▶ [MATERIAL SHOWN]
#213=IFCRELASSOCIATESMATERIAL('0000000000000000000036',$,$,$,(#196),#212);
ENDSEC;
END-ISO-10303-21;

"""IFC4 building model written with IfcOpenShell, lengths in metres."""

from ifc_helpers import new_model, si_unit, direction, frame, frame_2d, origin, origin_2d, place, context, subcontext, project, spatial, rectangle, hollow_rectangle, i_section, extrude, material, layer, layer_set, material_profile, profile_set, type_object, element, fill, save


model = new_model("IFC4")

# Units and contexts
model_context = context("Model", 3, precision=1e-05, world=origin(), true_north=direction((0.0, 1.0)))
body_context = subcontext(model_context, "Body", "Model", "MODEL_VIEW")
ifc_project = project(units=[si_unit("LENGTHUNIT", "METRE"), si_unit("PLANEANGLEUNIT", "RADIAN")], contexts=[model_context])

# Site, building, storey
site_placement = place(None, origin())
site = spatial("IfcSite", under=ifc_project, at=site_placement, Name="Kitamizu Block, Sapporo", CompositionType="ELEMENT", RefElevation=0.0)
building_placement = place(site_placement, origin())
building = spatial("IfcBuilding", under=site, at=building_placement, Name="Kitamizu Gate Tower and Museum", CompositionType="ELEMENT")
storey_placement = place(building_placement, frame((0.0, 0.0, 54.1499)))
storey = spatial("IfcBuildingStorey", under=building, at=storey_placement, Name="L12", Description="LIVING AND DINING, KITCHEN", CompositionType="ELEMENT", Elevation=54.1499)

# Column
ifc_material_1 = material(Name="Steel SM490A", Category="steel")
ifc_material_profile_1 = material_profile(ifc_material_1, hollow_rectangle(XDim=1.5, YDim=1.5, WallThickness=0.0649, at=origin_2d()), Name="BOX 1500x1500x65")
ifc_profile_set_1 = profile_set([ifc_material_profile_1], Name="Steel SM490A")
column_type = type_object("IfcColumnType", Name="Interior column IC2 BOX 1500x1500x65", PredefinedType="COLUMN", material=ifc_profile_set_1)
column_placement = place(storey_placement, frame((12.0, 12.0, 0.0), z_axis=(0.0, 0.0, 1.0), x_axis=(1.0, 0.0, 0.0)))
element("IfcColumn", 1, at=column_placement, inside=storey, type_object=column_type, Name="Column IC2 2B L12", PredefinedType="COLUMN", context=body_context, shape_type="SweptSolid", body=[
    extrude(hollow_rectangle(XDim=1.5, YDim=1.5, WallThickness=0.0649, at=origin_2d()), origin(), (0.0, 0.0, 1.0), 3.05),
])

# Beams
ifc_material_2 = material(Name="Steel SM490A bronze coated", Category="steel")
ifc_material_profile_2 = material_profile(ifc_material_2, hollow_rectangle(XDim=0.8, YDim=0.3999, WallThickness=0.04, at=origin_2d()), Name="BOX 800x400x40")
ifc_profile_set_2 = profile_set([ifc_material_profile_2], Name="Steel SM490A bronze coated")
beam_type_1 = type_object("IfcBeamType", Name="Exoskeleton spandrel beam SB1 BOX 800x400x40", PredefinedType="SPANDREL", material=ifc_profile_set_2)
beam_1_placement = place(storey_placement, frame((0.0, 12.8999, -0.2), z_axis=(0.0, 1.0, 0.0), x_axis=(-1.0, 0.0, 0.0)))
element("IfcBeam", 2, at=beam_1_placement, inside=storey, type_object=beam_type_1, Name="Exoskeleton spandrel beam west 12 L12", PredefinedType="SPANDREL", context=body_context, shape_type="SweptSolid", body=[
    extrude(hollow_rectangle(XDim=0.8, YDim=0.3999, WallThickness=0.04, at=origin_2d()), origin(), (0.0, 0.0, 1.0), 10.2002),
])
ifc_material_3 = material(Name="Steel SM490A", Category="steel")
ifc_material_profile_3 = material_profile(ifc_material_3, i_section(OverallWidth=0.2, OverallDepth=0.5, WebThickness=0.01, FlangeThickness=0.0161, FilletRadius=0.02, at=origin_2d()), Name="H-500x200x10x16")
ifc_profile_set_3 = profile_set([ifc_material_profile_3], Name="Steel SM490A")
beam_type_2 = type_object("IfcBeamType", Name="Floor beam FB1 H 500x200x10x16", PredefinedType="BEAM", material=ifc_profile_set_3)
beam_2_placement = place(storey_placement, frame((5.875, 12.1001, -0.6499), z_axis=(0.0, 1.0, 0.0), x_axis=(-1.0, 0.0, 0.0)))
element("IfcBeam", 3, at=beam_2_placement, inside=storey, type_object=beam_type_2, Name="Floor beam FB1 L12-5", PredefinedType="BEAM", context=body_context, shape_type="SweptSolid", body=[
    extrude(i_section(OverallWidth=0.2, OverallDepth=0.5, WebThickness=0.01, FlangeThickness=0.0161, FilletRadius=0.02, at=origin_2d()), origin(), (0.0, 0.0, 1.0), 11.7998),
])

▶ [EXERCISE DESCRIPTION] Each record above is to be printed again exactly as written.

▶ [OUTPUT BELOW]
#213=IFCRELASSOCIATESMATERIAL('0000000000000000000036',$,$,$,(#196),#212);
ENDSEC;
END-ISO-10303-21;

"""IFC4 building model written with IfcOpenShell, lengths in metres."""

from ifc_helpers import new_model, si_unit, direction, frame, frame_2d, origin, origin_2d, place, context, subcontext, project, spatial, rectangle, hollow_rectangle, i_section, extrude, material, layer, layer_set, material_profile, profile_set, type_object, element, fill, save


model = new_model("IFC4")

# Units and contexts
model_context = context("Model", 3, precision=1e-05, world=origin(), true_north=direction((0.0, 1.0)))
body_context = subcontext(model_context, "Body", "Model", "MODEL_VIEW")
ifc_project = project(units=[si_unit("LENGTHUNIT", "METRE"), si_unit("PLANEANGLEUNIT", "RADIAN")], contexts=[model_context])

# Site, building, storey
site_placement = place(None, origin())
site = spatial("IfcSite", under=ifc_project, at=site_placement, Name="Kitamizu Block, Sapporo", CompositionType="ELEMENT", RefElevation=0.0)
building_placement = place(site_placement, origin())
building = spatial("IfcBuilding", under=site, at=building_placement, Name="Kitamizu Gate Tower and Museum", CompositionType="ELEMENT")
storey_placement = place(building_placement, frame((0.0, 0.0, 54.1499)))
storey = spatial("IfcBuildingStorey", under=building, at=storey_placement, Name="L12", Description="LIVING AND DINING, KITCHEN", CompositionType="ELEMENT", Elevation=54.1499)

# Column
ifc_material_1 = material(Name="Steel SM490A", Category="steel")
ifc_material_profile_1 = material_profile(ifc_material_1, hollow_rectangle(XDim=1.5, YDim=1.5, WallThickness=0.0649, at=origin_2d()), Name="BOX 1500x1500x65")
ifc_profile_set_1 = profile_set([ifc_material_profile_1], Name="Steel SM490A")
column_type = type_object("IfcColumnType", Name="Interior column IC2 BOX 1500x1500x65", PredefinedType="COLUMN", material=ifc_profile_set_1)
column_placement = place(storey_placement, frame((12.0, 12.0, 0.0), z_axis=(0.0, 0.0, 1.0), x_axis=(1.0, 0.0, 0.0)))
element("IfcColumn", 1, at=column_placement, inside=storey, type_object=column_type, Name="Column IC2 2B L12", PredefinedType="COLUMN", context=body_context, shape_type="SweptSolid", body=[
    extrude(hollow_rectangle(XDim=1.5, YDim=1.5, WallThickness=0.0649, at=origin_2d()), origin(), (0.0, 0.0, 1.0), 3.05),
])

# Beams
ifc_material_2 = material(Name="Steel SM490A bronze coated", Category="steel")
ifc_material_profile_2 = material_profile(ifc_material_2, hollow_rectangle(XDim=0.8, YDim=0.3999, WallThickness=0.04, at=origin_2d()), Name="BOX 800x400x40")
ifc_profile_set_2 = profile_set([ifc_material_profile_2], Name="Steel SM490A bronze coated")
beam_type_1 = type_object("IfcBeamType", Name="Exoskeleton spandrel beam SB1 BOX 800x400x40", PredefinedType="SPANDREL", material=ifc_profile_set_2)
beam_1_placement = place(storey_placement, frame((0.0, 12.8999, -0.2), z_axis=(0.0, 1.0, 0.0), x_axis=(-1.0, 0.0, 0.0)))
element("IfcBeam", 2, at=beam_1_placement, inside=storey, type_object=beam_type_1, Name="Exoskeleton spandrel beam west 12 L12", PredefinedType="SPANDREL", context=body_context, shape_type="SweptSolid", body=[
    extrude(hollow_rectangle(XDim=0.8, YDim=0.3999, WallThickness=0.04, at=origin_2d()), origin(), (0.0, 0.0, 1.0), 10.2002),
])
ifc_material_3 = material(Name="Steel SM490A", Category="steel")
ifc_material_profile_3 = material_profile(ifc_material_3, i_section(OverallWidth=0.2, OverallDepth=0.5, WebThickness=0.01, FlangeThickness=0.0161, FilletRadius=0.02, at=origin_2d()), Name="H-500x200x10x16")
ifc_profile_set_3 = profile_set([ifc_material_profile_3], Name="Steel SM490A")
beam_type_2 = type_object("IfcBeamType", Name="Floor beam FB1 H 500x200x10x16", PredefinedType="BEAM", material=ifc_profile_set_3)
beam_2_placement = place(storey_placement, frame((5.875, 12.1001, -0.6499), z_axis=(0.0, 1.0, 0.0), x_axis=(-1.0, 0.0, 0.0)))
element("IfcBeam", 3, at=beam_2_placement, inside=storey, type_object=beam_type_2, Name="Floor beam FB1 L12-5", PredefinedType="BEAM", context=body_context, shape_type="SweptSolid", body=[
    extrude(i_section(OverallWidth=0.2, OverallDepth=0.5, WebThickness=0.01, FlangeThickness=0.0161, FilletRadius=0.02, at=origin_2d()), origin(), (0.0, 0.0, 1.0), 11.7998),
])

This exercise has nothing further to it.